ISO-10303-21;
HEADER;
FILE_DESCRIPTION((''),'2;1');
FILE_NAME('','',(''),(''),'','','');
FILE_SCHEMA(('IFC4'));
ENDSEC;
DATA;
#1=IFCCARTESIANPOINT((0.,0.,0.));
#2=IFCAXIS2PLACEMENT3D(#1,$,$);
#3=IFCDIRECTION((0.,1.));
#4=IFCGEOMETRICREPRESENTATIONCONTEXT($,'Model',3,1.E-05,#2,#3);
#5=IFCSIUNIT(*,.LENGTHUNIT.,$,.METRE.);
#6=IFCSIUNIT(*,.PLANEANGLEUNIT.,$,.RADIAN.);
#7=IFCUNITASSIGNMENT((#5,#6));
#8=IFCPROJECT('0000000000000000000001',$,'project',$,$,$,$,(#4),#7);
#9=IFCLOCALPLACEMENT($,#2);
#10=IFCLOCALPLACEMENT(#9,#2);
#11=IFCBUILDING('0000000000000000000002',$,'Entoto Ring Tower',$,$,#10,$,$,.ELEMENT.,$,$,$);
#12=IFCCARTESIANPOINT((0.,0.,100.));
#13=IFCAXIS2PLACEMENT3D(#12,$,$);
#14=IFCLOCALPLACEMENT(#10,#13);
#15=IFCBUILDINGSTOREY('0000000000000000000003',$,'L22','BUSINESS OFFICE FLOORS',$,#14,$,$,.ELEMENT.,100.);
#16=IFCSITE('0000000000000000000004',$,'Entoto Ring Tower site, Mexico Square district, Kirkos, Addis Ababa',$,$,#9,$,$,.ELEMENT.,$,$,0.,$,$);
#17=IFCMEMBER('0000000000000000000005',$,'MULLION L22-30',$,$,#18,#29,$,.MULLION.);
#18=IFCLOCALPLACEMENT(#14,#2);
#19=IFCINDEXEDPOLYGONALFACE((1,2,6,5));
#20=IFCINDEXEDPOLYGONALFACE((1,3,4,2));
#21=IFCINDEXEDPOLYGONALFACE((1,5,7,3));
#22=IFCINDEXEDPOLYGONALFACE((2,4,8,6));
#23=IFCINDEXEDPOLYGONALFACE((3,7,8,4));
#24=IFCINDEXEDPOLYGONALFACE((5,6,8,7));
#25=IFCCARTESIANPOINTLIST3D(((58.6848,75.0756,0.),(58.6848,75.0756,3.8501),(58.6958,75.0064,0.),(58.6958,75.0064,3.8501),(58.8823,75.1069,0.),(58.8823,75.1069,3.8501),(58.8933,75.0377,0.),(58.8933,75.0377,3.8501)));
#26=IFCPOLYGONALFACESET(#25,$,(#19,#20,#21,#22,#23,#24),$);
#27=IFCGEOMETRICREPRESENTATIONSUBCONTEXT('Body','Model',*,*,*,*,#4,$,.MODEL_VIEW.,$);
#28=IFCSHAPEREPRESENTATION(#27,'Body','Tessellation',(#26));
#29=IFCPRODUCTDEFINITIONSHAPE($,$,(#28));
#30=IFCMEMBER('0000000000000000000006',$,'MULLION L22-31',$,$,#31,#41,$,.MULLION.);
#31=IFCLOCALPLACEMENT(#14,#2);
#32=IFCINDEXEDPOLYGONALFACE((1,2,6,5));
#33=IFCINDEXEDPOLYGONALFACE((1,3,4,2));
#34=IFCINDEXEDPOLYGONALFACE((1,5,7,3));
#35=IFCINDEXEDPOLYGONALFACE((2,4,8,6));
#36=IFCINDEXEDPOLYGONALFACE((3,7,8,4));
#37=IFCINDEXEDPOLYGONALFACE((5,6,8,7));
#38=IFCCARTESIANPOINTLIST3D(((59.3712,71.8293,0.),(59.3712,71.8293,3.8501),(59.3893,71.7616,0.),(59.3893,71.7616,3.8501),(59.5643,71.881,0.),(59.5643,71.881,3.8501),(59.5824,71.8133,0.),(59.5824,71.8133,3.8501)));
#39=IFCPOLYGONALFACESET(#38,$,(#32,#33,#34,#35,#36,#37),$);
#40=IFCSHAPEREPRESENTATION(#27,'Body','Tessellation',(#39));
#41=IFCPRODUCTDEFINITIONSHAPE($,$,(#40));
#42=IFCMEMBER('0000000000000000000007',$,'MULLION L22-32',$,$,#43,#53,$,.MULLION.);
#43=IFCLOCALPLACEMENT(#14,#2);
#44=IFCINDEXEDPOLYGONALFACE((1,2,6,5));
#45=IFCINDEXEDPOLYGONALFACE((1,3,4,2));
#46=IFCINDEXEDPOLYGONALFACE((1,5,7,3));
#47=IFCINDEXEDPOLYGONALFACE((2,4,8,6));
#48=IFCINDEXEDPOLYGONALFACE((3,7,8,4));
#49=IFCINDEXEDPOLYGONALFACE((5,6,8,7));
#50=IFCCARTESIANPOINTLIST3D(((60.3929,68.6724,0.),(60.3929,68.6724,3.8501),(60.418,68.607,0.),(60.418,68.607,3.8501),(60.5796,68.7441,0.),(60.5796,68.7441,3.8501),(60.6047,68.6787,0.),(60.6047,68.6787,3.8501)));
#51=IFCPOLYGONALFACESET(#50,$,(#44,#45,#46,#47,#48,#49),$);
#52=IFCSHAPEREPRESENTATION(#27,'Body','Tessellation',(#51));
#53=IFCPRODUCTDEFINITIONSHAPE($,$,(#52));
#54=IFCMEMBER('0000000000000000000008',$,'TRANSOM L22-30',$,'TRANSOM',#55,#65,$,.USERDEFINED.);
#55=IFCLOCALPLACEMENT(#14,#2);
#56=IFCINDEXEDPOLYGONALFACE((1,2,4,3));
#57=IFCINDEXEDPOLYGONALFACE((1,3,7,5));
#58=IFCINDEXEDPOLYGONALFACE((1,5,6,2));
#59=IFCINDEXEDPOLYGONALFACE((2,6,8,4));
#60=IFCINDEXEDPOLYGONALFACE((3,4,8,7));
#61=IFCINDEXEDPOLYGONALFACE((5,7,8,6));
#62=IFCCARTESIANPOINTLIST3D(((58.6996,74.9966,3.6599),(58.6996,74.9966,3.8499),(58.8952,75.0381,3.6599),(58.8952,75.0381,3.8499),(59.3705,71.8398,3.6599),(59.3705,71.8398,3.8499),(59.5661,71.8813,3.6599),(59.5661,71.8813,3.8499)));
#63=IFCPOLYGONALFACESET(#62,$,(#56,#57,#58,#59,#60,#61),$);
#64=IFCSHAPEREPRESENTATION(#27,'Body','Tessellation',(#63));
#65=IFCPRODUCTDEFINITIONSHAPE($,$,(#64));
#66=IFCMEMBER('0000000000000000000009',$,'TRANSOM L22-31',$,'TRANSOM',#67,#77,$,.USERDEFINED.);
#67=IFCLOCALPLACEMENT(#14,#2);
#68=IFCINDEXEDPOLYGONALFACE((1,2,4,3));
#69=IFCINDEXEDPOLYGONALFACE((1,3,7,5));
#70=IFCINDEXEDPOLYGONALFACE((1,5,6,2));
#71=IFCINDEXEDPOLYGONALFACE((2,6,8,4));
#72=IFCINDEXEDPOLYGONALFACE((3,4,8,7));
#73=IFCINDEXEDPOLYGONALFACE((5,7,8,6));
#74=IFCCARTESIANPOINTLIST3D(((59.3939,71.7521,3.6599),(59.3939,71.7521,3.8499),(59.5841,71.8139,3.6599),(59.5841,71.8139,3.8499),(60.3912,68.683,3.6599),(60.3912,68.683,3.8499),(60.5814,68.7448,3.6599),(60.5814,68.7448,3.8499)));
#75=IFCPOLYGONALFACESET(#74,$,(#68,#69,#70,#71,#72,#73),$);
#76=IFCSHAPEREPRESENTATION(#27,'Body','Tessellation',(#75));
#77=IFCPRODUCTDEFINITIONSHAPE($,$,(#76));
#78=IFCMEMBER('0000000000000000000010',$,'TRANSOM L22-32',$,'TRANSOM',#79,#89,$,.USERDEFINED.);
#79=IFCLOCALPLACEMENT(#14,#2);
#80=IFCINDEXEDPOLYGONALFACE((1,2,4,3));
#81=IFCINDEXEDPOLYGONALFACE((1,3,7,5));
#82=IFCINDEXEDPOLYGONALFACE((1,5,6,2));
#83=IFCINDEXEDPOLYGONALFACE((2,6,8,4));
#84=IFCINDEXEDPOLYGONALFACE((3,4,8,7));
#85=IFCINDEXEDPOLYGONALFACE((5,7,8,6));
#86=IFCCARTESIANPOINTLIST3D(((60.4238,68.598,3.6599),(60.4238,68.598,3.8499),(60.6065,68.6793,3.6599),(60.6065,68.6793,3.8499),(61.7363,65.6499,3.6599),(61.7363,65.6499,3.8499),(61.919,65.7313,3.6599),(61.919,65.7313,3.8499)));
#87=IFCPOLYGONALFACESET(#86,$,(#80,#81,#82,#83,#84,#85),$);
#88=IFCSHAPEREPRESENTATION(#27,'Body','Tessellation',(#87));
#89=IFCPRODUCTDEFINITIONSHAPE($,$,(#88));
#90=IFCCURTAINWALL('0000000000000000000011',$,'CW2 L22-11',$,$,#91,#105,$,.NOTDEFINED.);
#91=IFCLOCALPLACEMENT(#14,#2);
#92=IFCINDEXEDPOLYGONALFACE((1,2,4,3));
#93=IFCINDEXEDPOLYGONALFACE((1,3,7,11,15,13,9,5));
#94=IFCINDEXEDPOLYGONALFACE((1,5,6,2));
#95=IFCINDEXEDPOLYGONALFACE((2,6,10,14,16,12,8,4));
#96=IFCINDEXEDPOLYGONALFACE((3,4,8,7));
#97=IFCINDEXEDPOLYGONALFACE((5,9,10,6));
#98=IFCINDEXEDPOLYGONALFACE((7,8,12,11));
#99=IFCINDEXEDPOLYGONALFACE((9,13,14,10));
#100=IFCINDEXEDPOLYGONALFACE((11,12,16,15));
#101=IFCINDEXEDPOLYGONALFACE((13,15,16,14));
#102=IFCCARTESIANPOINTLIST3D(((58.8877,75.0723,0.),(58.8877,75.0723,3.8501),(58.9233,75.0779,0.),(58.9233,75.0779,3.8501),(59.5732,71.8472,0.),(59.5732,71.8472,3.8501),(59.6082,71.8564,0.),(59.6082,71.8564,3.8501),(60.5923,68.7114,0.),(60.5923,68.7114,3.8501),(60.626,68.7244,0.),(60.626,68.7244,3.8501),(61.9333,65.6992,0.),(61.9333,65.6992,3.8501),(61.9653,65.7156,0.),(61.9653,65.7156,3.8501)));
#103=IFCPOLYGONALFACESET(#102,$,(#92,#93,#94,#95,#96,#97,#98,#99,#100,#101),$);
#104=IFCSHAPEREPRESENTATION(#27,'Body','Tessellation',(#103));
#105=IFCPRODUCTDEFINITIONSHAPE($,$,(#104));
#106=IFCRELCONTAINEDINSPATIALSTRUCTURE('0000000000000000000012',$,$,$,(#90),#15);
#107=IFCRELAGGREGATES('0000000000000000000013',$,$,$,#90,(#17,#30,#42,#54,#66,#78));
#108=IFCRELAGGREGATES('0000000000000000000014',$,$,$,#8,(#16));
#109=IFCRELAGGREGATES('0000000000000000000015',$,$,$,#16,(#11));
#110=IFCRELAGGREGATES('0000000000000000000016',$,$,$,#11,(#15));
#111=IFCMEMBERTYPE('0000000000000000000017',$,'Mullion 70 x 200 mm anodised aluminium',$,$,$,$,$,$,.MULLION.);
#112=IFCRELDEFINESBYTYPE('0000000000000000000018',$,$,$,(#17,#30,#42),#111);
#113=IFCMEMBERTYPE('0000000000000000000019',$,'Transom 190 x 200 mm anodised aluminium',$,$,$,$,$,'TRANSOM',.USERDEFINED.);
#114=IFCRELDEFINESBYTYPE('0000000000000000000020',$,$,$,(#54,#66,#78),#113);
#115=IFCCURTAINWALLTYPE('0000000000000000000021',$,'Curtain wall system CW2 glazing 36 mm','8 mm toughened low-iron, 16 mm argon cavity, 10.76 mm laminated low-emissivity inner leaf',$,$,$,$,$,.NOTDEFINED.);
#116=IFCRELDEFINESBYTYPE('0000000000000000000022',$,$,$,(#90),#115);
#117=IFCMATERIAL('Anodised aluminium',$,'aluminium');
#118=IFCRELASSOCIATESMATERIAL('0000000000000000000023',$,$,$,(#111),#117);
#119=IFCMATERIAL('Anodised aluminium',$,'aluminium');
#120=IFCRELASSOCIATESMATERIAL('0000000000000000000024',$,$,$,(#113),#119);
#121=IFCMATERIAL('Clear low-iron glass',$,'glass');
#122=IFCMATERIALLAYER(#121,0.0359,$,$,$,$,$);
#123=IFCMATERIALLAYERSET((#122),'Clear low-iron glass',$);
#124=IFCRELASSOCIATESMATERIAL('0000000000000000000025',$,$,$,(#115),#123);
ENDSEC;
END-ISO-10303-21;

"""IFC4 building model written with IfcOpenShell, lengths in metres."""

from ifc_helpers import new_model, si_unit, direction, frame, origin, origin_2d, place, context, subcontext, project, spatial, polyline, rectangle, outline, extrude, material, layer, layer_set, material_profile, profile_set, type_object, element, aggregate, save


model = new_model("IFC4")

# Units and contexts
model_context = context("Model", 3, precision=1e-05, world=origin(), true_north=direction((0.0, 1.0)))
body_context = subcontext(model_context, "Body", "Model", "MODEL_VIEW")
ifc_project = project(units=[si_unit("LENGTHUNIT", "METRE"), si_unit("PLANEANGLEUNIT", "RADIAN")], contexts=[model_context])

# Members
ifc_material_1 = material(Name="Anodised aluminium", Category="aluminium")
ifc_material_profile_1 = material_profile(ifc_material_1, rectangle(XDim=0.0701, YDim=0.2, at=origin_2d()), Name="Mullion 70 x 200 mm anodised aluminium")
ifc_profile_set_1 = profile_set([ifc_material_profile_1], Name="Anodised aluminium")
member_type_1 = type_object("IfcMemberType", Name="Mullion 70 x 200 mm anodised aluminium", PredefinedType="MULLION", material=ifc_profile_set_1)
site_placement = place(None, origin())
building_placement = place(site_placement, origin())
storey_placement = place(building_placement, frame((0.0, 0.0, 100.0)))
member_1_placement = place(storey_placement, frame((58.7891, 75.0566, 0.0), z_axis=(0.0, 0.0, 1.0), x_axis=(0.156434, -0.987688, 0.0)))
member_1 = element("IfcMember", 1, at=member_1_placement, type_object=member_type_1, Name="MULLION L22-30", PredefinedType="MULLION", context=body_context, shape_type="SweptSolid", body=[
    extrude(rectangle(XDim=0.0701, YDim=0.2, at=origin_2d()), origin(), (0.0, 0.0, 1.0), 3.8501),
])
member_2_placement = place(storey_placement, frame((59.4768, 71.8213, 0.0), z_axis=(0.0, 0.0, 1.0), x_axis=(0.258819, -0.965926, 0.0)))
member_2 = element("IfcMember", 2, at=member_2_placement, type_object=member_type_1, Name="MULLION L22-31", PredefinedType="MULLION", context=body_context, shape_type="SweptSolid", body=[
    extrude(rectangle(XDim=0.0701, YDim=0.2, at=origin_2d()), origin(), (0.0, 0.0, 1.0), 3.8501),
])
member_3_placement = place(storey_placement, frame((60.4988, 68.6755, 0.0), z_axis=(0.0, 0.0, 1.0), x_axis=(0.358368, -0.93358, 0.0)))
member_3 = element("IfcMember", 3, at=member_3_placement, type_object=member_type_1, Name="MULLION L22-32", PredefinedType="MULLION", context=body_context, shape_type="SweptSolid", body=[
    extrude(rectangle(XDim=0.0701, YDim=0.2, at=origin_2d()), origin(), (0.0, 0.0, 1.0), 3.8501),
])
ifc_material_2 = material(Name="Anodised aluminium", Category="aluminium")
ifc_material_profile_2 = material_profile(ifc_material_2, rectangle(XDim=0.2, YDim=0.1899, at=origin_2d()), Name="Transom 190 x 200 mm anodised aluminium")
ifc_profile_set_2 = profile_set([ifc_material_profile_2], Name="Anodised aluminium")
+++
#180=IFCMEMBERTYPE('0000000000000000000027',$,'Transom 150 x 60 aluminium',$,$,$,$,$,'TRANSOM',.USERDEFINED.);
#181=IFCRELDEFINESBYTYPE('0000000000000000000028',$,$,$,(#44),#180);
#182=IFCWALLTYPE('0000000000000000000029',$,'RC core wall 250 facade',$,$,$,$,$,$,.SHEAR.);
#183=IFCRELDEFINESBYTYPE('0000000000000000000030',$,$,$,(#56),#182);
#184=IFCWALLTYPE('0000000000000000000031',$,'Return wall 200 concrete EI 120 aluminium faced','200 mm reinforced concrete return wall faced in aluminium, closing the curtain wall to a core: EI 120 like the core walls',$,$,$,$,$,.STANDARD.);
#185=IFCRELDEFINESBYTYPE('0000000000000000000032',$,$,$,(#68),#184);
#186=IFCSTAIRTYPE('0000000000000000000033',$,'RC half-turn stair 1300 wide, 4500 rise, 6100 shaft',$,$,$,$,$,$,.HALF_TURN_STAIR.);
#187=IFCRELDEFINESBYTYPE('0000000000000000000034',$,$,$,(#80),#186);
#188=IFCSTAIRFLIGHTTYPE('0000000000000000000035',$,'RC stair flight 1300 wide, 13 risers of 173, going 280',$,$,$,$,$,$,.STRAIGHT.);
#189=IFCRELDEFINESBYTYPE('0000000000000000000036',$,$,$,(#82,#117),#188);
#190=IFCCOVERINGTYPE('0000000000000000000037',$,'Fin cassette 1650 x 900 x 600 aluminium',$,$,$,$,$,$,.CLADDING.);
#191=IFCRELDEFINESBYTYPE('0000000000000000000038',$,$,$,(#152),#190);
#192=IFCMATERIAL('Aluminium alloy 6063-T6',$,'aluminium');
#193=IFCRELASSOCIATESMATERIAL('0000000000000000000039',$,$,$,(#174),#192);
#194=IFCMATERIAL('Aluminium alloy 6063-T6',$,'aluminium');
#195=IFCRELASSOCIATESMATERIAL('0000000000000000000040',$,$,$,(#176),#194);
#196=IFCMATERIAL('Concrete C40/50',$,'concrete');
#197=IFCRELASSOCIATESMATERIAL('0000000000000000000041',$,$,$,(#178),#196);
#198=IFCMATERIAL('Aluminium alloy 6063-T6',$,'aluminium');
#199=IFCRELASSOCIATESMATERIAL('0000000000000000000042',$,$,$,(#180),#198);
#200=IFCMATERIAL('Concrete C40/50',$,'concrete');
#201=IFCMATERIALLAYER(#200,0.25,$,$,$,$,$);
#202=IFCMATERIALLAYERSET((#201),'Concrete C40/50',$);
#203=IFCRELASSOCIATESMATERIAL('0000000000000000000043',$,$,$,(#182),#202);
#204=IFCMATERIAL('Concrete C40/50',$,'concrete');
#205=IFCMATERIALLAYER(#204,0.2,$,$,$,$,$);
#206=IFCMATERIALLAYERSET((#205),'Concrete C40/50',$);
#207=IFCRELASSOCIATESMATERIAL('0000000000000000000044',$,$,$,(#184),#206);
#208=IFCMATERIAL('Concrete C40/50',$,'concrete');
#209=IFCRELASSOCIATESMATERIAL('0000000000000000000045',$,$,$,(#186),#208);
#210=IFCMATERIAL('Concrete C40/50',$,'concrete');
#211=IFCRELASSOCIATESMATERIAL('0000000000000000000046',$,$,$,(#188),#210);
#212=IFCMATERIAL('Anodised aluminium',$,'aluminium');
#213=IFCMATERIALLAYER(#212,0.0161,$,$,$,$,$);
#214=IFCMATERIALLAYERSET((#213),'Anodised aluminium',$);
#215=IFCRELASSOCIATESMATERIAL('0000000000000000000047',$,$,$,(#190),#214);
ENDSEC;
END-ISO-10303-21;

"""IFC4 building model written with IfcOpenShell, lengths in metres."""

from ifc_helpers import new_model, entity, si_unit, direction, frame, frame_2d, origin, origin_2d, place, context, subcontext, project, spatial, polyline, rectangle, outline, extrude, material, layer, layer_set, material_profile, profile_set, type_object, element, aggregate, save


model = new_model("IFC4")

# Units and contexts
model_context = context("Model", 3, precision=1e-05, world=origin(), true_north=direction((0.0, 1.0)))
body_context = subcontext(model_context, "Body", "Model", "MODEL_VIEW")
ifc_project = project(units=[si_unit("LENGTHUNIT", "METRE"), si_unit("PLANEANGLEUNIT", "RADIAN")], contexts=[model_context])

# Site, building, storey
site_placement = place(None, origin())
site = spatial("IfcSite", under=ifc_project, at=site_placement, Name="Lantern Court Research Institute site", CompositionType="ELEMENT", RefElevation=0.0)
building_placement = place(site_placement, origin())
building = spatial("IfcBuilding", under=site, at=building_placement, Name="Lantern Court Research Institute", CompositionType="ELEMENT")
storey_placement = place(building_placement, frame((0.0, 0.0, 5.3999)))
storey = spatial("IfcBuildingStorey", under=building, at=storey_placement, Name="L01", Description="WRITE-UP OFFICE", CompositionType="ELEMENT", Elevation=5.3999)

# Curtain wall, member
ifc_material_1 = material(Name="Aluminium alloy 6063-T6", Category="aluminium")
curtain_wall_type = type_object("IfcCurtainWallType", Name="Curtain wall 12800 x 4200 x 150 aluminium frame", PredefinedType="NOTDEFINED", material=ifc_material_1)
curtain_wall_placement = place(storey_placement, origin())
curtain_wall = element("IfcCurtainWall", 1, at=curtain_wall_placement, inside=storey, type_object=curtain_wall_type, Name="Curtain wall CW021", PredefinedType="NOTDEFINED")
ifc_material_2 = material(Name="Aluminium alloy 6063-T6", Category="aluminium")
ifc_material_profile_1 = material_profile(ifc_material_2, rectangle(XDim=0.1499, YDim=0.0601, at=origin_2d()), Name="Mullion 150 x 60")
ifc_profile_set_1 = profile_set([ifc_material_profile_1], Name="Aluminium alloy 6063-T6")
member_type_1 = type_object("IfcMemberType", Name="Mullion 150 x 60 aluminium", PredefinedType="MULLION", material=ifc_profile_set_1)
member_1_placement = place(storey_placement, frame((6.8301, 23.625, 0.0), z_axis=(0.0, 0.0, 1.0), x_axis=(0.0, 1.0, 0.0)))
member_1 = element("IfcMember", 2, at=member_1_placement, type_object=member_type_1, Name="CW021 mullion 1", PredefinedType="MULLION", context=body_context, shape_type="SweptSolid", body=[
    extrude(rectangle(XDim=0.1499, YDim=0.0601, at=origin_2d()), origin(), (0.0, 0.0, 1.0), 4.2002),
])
+++
### Instructions to follow
Your answer should be a single number: the count of lines above with the word "IFCRELDEFINESBYTYPE".

### Answer
9